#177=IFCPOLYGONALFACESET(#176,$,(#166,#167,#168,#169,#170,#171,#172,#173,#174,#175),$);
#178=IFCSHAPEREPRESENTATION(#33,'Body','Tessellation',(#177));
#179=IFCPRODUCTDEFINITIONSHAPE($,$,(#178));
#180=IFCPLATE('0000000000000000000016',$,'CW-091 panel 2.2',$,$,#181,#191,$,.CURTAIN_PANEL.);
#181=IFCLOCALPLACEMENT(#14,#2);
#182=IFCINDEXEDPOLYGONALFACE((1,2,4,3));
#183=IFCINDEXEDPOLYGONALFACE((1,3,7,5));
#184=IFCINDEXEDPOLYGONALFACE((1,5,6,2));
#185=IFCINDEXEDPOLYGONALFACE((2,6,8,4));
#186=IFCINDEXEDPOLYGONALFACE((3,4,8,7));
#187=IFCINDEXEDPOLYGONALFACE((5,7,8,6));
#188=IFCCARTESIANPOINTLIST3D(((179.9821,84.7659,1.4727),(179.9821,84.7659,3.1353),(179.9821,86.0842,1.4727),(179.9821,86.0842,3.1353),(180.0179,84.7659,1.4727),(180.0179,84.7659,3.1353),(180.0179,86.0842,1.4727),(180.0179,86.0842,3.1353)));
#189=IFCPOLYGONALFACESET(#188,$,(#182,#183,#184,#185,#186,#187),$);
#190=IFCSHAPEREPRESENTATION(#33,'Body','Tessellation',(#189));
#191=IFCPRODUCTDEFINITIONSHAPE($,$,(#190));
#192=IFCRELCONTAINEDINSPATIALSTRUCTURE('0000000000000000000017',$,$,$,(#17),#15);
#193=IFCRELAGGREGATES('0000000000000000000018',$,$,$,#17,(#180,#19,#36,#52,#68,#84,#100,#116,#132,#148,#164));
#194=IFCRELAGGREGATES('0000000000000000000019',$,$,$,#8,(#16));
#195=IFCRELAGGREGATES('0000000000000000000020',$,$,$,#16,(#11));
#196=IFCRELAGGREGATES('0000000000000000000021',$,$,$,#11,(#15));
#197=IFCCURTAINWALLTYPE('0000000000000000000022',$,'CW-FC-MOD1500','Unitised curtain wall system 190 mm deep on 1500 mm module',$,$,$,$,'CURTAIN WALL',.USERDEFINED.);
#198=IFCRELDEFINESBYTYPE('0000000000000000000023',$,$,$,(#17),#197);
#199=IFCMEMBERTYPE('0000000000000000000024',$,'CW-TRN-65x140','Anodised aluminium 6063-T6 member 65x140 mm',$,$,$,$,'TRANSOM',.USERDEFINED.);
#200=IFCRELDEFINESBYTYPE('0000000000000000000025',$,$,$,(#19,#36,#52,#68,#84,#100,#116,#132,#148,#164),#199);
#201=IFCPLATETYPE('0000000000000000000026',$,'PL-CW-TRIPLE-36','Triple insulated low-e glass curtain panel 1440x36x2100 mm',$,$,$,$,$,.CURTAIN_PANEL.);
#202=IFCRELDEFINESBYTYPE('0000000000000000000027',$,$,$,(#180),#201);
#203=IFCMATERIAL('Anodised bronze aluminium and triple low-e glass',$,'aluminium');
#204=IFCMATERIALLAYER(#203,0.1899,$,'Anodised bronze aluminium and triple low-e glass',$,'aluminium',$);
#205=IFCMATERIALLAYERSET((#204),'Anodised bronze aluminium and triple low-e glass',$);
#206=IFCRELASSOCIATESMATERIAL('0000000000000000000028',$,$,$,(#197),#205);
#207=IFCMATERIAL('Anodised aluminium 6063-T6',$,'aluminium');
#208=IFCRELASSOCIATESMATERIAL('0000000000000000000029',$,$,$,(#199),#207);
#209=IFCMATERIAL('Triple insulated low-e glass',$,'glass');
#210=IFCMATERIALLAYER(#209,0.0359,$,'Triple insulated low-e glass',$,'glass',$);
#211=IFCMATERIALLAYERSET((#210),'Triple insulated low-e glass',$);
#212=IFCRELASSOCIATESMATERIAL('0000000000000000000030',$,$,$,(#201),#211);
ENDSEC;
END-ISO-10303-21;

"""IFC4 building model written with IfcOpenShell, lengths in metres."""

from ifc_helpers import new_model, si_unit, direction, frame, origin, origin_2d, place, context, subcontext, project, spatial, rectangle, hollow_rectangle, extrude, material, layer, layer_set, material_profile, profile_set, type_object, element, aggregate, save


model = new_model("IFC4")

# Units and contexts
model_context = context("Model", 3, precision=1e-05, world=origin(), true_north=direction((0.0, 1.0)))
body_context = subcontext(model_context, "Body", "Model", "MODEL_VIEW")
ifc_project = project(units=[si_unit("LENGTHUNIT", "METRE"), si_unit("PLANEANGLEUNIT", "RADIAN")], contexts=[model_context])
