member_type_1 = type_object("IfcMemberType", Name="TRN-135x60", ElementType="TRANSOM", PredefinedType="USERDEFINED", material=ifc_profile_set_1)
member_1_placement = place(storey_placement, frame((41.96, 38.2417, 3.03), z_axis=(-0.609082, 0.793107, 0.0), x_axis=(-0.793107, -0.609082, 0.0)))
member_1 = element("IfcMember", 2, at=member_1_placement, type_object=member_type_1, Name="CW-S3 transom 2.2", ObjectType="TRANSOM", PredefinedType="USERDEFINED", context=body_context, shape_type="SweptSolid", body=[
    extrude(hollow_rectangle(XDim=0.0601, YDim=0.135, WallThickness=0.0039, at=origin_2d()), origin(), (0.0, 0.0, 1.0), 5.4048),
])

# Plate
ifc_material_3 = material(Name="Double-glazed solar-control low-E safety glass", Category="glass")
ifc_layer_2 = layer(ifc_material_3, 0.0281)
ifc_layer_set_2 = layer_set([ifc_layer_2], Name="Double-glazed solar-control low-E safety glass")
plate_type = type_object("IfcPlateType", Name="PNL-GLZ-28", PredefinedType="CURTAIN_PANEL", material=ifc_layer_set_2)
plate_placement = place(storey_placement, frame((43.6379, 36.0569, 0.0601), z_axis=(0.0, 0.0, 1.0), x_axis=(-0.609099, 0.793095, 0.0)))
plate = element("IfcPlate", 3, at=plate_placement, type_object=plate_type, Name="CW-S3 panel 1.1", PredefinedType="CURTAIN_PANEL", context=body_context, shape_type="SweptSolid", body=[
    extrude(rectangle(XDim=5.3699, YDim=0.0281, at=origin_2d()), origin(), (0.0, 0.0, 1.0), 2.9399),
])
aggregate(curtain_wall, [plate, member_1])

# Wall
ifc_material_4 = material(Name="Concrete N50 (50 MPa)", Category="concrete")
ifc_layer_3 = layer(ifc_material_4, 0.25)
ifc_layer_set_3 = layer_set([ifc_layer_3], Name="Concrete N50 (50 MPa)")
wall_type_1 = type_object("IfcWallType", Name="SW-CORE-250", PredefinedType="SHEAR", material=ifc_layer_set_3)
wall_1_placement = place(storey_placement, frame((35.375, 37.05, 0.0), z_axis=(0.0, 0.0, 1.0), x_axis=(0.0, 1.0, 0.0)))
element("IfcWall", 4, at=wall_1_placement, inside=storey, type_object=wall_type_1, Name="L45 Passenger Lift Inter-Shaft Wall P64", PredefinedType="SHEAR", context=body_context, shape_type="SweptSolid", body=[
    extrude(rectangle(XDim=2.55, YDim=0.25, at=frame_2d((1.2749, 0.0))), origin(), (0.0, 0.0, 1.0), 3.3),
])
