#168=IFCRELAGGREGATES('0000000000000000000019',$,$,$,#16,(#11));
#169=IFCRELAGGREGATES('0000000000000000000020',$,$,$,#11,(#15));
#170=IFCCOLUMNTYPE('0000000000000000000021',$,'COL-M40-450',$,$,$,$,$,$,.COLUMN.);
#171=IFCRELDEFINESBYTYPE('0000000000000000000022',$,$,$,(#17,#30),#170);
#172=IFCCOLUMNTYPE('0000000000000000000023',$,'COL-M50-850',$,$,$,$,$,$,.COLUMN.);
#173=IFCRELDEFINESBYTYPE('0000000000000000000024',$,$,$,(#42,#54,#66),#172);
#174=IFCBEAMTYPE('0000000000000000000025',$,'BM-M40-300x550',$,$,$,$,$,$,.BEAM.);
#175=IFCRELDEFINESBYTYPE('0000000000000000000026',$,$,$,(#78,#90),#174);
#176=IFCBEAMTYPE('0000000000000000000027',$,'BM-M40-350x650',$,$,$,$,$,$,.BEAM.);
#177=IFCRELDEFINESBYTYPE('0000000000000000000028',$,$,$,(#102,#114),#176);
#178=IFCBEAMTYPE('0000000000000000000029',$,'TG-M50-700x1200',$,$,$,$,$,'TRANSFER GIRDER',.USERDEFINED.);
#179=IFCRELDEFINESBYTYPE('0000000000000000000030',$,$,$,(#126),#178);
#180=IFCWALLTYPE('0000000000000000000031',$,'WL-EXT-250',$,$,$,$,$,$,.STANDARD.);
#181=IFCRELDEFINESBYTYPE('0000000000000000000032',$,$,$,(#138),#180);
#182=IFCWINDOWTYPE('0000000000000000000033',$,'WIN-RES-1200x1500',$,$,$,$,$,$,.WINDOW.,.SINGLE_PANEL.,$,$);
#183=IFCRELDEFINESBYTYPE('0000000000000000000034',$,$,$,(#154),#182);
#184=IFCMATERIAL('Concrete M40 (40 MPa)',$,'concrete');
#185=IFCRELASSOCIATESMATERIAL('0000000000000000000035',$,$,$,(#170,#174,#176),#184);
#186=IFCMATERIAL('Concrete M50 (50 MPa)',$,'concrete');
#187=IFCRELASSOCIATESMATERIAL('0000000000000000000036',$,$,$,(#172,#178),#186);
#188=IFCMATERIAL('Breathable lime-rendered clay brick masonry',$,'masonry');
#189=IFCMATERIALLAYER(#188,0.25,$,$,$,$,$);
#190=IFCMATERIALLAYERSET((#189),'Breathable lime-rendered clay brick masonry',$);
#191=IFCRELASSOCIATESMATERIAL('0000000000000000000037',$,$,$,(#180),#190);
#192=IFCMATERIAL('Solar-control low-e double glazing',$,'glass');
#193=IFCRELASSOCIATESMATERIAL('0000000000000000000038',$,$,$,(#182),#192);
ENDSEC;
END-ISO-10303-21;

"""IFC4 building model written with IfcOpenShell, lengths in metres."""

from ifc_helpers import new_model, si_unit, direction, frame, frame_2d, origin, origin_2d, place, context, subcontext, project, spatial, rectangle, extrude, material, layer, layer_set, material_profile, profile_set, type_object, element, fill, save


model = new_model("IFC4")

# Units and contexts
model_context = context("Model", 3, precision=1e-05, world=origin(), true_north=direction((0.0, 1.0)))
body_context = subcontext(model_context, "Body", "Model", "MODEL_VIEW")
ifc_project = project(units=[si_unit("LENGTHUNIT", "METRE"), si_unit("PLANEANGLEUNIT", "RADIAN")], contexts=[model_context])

§ WORK REQUEST: Copy the records above exactly, please, but only from the first line through the line containing "#183=IFCINDEXEDPOLYGONALFACE((1,3,7,5));".

§ OUTPUT OF THE EXERCISE:
#177=IFCPOLYGONALFACESET(#176,$,(#166,#167,#168,#169,#170,#171,#172,#173,#174,#175),$);
#178=IFCSHAPEREPRESENTATION(#33,'Body','Tessellation',(#177));
#179=IFCPRODUCTDEFINITIONSHAPE($,$,(#178));
#180=IFCPLATE('0000000000000000000016',$,'CW-091 panel 2.2',$,$,#181,#191,$,.CURTAIN_PANEL.);
#181=IFCLOCALPLACEMENT(#14,#2);
#182=IFCINDEXEDPOLYGONALFACE((1,2,4,3));
#183=IFCINDEXEDPOLYGONALFACE((1,3,7,5));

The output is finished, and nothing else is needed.